= Problem statement =
Restate word for word the lines of the material below, from the line with "#147=IFCPRODUCTDEFINITIONSHAPE($,$,(#146));" to the line with "beam RC600x750 C50/60',$,$,$,$,$,$,.SPANDREL.);", both lines included, and no others.

= Dataset content =
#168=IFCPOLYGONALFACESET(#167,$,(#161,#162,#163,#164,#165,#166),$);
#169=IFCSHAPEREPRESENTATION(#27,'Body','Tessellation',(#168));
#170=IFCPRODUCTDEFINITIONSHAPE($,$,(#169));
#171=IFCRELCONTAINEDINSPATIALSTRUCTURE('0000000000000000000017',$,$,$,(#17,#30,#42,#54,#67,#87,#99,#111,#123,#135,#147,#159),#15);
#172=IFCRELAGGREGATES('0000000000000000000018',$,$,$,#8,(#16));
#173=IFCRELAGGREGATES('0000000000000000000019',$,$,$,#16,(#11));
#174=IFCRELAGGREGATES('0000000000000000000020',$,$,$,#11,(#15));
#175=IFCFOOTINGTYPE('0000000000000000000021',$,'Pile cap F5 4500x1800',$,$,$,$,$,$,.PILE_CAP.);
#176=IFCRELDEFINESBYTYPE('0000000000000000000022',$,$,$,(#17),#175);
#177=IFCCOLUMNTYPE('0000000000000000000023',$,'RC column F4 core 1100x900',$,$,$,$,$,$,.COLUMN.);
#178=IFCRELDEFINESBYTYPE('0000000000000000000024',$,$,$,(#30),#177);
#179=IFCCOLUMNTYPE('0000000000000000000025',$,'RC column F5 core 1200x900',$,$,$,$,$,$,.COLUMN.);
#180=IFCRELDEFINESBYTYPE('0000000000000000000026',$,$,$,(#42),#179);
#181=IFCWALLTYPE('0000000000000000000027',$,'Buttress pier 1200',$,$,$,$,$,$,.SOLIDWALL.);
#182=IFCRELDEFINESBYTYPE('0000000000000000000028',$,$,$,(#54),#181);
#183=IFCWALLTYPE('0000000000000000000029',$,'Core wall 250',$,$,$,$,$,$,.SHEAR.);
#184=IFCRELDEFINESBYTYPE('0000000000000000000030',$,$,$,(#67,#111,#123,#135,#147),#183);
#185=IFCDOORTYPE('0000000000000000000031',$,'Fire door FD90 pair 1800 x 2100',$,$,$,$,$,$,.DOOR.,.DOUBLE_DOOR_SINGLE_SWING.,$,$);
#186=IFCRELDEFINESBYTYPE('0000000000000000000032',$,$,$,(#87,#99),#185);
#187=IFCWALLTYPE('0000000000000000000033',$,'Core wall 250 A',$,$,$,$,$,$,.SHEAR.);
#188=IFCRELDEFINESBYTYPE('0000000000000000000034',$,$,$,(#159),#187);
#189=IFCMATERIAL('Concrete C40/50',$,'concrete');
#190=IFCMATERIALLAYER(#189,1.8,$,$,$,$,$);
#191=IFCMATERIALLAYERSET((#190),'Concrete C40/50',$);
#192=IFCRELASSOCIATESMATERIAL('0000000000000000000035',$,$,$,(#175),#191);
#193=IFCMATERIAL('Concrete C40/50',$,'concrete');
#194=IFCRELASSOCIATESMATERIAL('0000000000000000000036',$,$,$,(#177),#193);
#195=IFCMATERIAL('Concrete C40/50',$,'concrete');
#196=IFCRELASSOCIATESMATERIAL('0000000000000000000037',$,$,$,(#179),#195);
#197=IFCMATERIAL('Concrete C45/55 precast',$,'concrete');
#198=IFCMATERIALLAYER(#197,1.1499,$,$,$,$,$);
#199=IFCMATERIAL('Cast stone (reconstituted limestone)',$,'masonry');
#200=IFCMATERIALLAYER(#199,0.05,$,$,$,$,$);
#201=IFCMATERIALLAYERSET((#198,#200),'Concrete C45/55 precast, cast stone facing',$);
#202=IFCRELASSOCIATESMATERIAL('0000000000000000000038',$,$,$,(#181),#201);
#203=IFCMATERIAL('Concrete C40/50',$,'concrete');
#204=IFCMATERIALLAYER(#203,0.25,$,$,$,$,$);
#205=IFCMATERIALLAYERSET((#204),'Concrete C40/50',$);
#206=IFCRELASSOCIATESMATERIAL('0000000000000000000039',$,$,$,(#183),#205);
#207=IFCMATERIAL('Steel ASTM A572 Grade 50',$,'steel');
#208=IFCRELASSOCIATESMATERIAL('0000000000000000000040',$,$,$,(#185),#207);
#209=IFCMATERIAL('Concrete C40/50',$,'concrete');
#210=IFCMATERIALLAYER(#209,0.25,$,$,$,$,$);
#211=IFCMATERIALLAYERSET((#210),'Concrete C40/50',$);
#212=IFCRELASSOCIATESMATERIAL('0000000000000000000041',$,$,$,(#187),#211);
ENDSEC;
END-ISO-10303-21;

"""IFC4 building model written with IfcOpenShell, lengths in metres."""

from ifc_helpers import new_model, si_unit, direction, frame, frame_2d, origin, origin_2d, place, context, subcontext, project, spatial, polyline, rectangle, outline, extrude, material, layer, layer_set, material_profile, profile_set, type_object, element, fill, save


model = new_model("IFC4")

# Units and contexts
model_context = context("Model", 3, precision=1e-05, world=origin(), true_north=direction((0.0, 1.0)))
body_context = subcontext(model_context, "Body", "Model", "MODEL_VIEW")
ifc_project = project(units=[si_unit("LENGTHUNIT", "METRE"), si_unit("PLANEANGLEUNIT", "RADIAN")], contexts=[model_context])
* * *
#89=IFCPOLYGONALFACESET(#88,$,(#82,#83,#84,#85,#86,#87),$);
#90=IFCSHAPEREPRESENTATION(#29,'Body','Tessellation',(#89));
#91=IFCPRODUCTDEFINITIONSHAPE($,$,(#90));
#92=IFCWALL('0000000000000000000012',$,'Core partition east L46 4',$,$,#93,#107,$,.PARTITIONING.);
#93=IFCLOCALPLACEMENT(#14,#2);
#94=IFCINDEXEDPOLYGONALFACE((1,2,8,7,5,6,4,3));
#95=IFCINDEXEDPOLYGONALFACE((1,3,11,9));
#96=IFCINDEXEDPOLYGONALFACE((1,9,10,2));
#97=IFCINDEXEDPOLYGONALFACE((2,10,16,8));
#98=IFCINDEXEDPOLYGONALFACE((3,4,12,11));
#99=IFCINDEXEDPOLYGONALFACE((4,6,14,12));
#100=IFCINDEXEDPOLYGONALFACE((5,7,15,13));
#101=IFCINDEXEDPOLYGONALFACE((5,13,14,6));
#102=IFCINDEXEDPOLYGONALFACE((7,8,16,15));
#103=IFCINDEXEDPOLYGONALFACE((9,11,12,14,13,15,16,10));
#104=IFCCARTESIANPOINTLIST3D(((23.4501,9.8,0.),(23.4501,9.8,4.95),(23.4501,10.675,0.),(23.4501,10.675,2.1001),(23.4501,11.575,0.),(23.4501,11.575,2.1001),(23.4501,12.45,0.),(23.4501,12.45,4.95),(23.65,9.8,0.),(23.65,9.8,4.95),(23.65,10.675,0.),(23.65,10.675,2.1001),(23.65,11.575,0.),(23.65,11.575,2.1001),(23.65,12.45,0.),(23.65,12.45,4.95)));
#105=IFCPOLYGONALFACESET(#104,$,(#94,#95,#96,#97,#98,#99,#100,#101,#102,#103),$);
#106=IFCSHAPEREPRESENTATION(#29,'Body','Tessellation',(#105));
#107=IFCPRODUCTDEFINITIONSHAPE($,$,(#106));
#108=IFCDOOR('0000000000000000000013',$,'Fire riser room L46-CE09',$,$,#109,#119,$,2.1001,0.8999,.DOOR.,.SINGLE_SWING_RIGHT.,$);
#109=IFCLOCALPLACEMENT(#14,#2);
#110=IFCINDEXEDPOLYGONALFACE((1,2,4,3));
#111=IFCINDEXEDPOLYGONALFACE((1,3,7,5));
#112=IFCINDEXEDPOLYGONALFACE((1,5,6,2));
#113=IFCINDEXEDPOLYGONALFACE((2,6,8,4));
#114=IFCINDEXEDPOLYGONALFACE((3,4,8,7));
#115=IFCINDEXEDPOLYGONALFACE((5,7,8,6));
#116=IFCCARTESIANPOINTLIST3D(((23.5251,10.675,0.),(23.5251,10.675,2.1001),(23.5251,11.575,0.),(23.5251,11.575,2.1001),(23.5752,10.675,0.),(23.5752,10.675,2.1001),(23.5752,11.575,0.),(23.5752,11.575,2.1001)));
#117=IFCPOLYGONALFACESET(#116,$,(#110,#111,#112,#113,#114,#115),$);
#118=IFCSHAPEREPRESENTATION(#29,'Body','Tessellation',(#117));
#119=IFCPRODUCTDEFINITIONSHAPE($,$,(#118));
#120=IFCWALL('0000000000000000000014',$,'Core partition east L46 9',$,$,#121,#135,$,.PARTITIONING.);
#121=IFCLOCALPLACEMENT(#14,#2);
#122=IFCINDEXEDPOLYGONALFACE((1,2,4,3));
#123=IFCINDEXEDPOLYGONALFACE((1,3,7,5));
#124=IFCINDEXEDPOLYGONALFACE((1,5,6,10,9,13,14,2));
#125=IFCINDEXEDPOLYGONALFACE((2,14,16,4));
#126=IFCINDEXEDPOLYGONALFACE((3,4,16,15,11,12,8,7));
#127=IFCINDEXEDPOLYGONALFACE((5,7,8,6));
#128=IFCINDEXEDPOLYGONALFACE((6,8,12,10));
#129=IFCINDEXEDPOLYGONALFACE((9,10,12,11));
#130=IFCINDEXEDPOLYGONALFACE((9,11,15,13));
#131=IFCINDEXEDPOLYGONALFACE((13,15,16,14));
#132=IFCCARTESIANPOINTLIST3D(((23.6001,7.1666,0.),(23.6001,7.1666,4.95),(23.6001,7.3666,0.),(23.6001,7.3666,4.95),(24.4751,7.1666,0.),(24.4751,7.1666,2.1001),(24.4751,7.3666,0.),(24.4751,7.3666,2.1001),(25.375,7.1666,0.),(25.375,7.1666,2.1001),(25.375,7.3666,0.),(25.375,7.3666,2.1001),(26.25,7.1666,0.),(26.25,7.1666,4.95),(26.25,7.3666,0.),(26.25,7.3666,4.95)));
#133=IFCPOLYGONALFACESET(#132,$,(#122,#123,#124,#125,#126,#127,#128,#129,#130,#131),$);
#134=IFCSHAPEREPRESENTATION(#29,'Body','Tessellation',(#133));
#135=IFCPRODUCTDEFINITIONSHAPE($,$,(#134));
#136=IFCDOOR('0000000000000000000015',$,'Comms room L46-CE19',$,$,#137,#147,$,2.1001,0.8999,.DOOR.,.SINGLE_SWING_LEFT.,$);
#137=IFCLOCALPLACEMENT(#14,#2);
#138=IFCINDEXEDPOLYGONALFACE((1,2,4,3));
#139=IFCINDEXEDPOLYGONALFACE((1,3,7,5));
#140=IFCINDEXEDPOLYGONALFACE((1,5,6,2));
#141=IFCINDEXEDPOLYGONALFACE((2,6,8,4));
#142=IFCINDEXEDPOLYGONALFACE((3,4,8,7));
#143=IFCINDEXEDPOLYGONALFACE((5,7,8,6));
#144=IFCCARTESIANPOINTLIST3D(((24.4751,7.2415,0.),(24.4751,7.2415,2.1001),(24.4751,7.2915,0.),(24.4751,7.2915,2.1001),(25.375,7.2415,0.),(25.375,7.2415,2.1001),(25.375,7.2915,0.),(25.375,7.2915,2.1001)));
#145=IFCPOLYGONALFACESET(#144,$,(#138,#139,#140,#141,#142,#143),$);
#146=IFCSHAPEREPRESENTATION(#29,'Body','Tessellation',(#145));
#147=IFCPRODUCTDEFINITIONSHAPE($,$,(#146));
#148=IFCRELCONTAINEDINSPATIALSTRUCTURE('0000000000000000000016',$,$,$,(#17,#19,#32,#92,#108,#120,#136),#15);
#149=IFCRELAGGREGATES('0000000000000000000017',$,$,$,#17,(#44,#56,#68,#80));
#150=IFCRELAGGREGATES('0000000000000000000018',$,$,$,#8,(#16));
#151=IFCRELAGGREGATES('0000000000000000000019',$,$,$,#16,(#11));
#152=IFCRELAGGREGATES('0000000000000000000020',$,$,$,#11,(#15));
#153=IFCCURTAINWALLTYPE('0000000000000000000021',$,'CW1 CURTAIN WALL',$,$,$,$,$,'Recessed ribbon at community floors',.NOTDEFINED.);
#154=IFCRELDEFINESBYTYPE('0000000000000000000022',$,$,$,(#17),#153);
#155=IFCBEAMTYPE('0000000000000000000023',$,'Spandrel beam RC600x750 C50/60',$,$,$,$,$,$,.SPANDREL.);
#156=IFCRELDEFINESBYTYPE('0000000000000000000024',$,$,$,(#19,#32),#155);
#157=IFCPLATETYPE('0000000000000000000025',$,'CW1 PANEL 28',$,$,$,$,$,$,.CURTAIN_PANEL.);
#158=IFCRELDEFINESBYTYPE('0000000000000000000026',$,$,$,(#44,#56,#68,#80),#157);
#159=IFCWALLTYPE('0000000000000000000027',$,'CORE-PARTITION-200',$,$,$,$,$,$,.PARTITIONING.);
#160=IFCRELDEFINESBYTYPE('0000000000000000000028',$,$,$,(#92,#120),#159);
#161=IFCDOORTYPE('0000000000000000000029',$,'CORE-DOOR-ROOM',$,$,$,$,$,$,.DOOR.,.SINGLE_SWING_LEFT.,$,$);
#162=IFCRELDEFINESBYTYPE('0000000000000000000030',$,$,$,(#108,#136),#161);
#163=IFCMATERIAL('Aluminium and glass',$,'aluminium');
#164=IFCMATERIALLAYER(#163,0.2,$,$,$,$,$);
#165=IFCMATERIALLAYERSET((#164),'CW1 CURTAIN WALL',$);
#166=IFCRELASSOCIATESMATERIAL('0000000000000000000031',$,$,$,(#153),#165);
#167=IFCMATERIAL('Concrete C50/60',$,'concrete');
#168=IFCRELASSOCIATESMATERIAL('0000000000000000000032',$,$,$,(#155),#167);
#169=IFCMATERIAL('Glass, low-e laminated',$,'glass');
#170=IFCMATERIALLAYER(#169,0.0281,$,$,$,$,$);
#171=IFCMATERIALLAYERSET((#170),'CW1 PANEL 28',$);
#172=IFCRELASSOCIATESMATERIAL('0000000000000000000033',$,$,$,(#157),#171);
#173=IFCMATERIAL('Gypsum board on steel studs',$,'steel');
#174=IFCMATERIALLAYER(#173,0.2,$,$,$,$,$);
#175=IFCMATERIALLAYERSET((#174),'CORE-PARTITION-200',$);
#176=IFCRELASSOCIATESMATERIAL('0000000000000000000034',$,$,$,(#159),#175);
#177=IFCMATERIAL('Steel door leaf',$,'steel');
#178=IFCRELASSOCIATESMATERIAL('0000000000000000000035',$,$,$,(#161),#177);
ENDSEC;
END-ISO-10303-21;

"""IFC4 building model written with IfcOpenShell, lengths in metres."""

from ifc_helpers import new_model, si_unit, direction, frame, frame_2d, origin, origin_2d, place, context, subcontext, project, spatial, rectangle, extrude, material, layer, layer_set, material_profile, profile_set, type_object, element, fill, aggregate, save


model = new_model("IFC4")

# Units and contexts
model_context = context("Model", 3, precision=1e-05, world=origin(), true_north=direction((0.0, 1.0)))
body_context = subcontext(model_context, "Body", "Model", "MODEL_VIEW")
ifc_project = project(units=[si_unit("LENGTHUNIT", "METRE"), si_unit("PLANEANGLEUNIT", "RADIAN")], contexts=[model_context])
--
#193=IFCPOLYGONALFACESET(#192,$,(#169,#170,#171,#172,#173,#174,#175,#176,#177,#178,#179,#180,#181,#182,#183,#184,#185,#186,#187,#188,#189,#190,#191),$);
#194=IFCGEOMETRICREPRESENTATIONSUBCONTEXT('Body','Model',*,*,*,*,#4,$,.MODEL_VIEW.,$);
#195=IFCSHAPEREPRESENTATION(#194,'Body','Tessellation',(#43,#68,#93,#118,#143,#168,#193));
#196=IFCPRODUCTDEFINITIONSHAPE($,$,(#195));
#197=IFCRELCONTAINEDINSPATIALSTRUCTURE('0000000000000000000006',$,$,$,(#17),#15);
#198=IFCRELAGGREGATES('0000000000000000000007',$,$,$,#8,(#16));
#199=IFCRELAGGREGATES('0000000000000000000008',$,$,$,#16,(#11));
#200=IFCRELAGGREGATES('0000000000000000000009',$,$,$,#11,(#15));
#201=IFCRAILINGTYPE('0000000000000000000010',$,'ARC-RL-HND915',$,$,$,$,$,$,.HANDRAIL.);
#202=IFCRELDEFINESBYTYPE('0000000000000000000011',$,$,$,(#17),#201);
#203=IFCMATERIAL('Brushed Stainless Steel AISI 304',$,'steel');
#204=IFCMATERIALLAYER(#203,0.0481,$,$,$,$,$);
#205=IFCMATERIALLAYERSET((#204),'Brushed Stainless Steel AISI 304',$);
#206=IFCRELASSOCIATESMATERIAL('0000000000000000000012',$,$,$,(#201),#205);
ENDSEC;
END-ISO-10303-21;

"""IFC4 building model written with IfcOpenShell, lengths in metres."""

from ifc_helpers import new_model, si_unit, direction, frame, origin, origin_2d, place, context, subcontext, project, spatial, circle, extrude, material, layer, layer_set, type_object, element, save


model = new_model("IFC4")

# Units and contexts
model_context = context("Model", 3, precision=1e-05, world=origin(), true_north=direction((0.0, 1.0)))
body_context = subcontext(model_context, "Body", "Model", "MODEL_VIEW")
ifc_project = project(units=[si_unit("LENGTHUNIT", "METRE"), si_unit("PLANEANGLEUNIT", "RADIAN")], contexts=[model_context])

= Reply =
#147=IFCPRODUCTDEFINITIONSHAPE($,$,(#146));
#148=IFCRELCONTAINEDINSPATIALSTRUCTURE('0000000000000000000016',$,$,$,(#17,#19,#32,#92,#108,#120,#136),#15);
#149=IFCRELAGGREGATES('0000000000000000000017',$,$,$,#17,(#44,#56,#68,#80));
#150=IFCRELAGGREGATES('0000000000000000000018',$,$,$,#8,(#16));
#151=IFCRELAGGREGATES('0000000000000000000019',$,$,$,#16,(#11));
#152=IFCRELAGGREGATES('0000000000000000000020',$,$,$,#11,(#15));
#153=IFCCURTAINWALLTYPE('0000000000000000000021',$,'CW1 CURTAIN WALL',$,$,$,$,$,'Recessed ribbon at community floors',.NOTDEFINED.);
#154=IFCRELDEFINESBYTYPE('0000000000000000000022',$,$,$,(#17),#153);
#155=IFCBEAMTYPE('0000000000000000000023',$,'Spandrel beam RC600x750 C50/60',$,$,$,$,$,$,.SPANDREL.);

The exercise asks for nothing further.